[Entries taken from a collection]
====

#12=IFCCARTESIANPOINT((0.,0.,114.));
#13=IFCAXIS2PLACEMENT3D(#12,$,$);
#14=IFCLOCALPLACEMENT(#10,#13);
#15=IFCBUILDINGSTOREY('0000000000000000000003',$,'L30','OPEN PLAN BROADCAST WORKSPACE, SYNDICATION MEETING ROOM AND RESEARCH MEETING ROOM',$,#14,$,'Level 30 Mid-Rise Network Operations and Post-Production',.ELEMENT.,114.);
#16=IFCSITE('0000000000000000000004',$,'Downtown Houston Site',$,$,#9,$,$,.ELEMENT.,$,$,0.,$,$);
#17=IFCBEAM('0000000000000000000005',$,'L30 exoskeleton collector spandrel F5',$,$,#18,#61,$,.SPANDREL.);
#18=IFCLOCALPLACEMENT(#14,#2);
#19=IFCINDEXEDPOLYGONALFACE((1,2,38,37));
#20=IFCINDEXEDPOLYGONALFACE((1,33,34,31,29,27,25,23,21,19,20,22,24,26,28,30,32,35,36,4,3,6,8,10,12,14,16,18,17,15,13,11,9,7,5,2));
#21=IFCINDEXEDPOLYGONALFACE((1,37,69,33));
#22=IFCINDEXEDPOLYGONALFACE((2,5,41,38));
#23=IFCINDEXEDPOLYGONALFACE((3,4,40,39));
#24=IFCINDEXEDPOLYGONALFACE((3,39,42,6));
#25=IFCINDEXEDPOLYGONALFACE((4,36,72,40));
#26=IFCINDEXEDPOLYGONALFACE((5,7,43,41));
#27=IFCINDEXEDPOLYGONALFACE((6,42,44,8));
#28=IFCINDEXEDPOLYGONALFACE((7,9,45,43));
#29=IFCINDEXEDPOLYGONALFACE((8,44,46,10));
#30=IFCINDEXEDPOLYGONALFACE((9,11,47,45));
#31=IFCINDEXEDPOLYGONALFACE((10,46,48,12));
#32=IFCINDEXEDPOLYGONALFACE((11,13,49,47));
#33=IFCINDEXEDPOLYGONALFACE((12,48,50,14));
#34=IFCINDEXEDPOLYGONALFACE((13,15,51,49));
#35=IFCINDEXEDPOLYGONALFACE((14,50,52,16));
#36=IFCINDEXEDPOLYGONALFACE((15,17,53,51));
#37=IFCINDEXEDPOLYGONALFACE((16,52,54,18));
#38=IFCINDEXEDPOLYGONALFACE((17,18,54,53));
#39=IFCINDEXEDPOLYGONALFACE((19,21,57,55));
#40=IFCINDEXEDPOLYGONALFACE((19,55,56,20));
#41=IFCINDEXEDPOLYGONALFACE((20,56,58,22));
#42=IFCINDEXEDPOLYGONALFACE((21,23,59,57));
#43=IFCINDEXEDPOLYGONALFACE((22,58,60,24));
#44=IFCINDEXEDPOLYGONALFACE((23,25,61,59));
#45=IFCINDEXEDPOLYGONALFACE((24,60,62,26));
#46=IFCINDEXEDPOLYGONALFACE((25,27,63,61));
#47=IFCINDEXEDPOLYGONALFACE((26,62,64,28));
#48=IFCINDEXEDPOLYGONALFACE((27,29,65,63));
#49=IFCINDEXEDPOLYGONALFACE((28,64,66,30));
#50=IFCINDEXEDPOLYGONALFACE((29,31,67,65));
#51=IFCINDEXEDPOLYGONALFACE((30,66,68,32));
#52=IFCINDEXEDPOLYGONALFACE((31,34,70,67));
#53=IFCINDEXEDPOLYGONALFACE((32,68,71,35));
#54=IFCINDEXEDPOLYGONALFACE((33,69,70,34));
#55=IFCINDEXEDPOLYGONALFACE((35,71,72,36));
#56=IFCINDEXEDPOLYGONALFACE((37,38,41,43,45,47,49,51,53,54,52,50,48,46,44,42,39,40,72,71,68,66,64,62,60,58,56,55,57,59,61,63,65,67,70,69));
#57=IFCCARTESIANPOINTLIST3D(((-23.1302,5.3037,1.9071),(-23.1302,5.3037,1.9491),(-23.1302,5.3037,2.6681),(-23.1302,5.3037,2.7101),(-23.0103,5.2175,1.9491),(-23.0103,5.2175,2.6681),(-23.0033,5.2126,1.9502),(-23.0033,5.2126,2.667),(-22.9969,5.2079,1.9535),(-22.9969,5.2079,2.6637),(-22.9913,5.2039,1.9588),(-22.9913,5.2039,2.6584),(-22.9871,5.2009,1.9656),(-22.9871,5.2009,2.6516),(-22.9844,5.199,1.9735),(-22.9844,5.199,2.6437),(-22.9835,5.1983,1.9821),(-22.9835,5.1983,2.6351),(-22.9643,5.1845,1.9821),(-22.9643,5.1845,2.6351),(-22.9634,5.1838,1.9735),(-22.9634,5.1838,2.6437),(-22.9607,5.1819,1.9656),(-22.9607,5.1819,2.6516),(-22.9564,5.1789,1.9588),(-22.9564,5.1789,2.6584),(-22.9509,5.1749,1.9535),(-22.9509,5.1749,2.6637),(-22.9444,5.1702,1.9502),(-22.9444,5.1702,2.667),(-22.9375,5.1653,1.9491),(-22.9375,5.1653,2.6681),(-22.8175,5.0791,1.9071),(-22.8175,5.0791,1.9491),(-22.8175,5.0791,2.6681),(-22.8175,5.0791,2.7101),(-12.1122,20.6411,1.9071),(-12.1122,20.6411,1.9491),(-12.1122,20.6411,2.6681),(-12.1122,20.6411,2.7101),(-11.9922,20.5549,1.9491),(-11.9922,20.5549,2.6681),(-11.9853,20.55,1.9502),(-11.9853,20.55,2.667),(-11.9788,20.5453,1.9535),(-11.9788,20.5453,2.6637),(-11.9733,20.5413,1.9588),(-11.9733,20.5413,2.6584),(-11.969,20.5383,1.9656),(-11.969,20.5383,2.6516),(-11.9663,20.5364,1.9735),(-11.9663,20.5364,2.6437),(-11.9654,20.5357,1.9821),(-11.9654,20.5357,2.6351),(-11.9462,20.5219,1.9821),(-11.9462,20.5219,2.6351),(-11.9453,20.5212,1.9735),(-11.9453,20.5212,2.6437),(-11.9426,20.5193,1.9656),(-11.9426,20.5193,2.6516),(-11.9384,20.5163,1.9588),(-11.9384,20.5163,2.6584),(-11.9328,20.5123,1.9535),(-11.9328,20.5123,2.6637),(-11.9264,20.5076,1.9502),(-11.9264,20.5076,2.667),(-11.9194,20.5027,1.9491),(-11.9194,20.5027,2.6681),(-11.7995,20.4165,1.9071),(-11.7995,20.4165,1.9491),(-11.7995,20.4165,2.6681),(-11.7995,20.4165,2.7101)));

====

> [INSTRUCTIONS FOR THE TASK]: Only lines with the word "IFCLOCALPLACEMENT" are needed. Copy them from the preceding records.

> [RESPONSE FOR THIS EXERCISE]:
#14=IFCLOCALPLACEMENT(#10,#13);
#18=IFCLOCALPLACEMENT(#14,#2);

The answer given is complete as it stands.